Task details:
Below are some records. Return exactly the lines from the one containing "#155=IFCINDEXEDPOLYGONALFACE((5,7,43,41));" through the one containing "#160=IFCINDEXEDPOLYGONALFACE((10,46,48,12));", both included, and only those.

Input data:
******************************

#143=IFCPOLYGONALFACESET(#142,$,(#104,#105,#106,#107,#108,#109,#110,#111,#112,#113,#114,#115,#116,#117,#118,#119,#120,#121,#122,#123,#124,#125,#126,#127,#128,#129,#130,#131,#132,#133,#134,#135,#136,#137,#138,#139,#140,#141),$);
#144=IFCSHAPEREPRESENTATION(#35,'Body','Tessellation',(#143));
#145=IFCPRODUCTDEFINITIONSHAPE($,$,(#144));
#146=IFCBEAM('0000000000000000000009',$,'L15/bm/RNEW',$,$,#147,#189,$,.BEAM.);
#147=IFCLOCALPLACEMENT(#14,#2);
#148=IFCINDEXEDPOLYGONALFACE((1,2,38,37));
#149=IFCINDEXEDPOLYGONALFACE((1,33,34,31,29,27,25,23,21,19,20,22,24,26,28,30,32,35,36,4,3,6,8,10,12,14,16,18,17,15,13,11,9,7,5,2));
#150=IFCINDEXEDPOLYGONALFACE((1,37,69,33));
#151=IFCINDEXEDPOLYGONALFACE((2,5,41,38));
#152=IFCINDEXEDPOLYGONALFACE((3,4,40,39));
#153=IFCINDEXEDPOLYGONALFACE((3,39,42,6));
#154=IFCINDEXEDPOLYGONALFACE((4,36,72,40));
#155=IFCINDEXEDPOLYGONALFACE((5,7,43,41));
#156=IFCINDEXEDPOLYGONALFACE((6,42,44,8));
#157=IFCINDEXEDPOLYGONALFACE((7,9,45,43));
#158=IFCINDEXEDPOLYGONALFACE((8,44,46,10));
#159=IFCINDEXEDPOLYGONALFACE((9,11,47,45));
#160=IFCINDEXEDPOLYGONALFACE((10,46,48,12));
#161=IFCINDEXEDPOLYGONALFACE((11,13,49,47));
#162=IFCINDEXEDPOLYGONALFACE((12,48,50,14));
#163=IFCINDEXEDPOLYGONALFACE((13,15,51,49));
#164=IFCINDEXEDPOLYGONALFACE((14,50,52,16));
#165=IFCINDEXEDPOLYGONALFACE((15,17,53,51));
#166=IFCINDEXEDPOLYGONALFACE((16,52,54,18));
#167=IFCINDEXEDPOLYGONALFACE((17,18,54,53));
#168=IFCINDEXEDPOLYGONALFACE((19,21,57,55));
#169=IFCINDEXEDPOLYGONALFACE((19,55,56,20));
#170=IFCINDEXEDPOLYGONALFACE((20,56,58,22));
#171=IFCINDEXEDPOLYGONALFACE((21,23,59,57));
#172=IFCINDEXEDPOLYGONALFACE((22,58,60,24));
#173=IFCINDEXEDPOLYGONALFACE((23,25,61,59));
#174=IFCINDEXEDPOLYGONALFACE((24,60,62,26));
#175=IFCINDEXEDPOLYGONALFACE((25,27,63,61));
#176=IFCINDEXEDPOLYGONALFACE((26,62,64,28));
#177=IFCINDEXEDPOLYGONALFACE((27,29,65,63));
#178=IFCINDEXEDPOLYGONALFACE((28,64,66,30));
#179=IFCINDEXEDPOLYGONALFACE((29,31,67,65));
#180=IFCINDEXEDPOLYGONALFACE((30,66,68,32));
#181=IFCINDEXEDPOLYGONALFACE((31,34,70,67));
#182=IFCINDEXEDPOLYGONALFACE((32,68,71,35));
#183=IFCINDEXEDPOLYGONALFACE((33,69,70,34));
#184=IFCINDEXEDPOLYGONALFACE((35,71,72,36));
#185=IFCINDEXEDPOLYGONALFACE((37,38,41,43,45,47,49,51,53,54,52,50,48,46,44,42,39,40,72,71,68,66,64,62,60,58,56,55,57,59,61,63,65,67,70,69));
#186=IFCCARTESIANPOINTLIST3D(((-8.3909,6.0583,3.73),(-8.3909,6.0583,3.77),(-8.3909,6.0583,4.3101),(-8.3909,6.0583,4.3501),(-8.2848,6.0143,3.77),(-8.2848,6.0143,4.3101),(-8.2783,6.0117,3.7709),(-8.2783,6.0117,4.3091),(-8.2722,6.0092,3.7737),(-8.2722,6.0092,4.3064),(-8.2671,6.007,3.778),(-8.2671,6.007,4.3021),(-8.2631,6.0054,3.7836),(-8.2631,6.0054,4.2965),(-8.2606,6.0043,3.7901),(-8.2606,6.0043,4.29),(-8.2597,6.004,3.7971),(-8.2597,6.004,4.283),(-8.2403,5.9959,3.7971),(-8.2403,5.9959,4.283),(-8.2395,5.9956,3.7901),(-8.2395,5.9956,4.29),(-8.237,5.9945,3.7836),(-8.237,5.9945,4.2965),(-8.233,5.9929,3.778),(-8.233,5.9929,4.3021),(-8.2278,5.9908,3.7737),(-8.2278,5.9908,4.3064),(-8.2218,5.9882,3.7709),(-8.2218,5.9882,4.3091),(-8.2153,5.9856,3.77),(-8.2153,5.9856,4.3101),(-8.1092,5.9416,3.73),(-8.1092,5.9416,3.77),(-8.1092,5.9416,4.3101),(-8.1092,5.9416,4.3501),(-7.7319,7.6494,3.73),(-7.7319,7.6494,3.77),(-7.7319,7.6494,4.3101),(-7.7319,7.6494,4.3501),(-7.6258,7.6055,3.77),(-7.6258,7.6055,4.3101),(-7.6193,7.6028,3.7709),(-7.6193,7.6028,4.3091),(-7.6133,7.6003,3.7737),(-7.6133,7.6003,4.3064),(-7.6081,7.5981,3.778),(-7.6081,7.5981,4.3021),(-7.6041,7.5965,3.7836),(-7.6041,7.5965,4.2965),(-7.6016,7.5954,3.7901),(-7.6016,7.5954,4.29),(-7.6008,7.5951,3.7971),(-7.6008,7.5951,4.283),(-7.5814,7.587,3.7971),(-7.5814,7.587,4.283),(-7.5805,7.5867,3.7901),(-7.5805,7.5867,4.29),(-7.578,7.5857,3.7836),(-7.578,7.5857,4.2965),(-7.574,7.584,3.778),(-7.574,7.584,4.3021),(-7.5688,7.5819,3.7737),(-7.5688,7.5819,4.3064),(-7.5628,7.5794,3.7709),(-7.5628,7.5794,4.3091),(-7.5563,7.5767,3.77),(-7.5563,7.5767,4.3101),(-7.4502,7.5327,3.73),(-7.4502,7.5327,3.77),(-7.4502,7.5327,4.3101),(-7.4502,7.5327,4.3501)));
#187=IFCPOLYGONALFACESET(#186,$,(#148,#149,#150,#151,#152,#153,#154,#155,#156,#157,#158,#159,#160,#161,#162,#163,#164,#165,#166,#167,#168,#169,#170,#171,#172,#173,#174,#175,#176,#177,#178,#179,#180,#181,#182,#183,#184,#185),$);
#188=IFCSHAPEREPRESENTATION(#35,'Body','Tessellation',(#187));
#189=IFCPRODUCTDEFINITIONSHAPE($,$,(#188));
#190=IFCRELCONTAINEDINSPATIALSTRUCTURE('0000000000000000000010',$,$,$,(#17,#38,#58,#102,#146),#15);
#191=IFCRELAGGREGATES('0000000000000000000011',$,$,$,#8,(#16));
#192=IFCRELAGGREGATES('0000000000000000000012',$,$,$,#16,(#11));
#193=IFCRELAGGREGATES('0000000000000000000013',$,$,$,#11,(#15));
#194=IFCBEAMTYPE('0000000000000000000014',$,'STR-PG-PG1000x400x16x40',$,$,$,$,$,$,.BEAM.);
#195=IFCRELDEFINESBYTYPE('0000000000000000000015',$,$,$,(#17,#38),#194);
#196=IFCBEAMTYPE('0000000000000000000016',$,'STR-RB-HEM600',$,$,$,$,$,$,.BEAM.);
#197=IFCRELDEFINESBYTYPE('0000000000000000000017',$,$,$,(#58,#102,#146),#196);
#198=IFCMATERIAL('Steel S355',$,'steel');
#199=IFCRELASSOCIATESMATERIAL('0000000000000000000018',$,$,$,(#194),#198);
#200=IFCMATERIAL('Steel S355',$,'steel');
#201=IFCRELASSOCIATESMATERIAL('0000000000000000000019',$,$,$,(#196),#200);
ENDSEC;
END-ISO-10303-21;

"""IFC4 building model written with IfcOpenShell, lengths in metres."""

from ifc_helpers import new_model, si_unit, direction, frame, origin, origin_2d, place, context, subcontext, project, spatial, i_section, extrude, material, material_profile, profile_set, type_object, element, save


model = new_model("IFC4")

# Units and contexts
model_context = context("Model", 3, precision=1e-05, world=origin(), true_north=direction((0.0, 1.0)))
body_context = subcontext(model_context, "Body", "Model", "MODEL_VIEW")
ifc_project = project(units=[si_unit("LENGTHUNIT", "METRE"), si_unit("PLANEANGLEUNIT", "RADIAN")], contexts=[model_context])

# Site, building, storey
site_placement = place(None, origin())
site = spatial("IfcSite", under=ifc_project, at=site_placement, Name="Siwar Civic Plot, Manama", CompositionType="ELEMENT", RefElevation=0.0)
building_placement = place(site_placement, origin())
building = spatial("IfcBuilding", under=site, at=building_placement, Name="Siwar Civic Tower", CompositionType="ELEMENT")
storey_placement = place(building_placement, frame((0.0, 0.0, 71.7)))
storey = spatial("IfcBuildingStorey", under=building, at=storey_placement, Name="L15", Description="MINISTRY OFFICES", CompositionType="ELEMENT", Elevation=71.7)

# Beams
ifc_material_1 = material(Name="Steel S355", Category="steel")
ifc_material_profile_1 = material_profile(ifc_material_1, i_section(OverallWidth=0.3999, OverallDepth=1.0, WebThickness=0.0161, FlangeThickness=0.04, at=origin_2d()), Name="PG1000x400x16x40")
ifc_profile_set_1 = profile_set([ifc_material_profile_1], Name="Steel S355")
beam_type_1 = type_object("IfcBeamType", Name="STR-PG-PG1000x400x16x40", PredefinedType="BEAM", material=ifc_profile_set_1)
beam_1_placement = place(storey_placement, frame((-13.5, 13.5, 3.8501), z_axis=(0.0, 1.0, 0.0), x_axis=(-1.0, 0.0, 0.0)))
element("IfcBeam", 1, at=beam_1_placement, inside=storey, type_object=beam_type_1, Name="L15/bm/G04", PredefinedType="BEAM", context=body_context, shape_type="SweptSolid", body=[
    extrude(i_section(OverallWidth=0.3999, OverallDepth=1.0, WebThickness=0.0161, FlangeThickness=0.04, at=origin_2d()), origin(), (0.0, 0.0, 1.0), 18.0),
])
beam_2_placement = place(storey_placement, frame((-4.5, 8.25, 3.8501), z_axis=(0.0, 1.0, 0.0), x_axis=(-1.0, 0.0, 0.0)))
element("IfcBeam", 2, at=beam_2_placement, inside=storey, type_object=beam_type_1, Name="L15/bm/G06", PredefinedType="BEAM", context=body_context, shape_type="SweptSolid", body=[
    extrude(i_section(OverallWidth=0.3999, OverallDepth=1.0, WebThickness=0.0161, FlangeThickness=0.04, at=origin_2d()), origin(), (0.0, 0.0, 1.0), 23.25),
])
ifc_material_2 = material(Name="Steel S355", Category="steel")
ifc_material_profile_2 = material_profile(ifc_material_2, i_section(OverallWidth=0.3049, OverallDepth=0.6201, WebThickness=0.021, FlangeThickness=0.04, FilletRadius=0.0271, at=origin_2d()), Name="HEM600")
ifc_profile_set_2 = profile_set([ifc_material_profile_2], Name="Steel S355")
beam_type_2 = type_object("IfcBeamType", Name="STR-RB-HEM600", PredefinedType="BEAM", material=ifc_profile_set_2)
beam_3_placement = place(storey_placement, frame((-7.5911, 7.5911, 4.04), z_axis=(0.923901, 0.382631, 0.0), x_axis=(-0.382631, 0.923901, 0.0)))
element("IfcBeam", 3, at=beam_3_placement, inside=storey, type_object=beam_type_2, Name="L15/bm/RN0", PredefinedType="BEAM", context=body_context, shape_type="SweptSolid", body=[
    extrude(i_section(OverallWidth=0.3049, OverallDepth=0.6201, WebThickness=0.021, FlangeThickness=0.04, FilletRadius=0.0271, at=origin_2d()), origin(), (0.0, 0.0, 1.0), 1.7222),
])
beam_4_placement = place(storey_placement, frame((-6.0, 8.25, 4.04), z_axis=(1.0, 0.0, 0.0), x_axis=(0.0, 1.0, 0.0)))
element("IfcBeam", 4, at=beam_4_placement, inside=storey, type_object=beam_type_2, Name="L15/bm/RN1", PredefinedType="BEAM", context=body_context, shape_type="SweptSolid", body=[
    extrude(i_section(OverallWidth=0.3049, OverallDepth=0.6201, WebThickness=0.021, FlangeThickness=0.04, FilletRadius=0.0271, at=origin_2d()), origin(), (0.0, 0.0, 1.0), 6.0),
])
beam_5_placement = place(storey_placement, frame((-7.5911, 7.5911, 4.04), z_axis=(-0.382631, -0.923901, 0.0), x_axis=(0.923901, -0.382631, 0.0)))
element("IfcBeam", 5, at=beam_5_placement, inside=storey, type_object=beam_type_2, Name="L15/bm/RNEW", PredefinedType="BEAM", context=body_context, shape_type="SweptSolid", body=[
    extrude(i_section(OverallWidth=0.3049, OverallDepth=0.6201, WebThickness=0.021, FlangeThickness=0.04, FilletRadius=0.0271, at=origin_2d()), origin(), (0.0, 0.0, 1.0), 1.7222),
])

******************************

Response:
#155=IFCINDEXEDPOLYGONALFACE((5,7,43,41));
#156=IFCINDEXEDPOLYGONALFACE((6,42,44,8));
#157=IFCINDEXEDPOLYGONALFACE((7,9,45,43));
#158=IFCINDEXEDPOLYGONALFACE((8,44,46,10));
#159=IFCINDEXEDPOLYGONALFACE((9,11,47,45));
#160=IFCINDEXEDPOLYGONALFACE((10,46,48,12));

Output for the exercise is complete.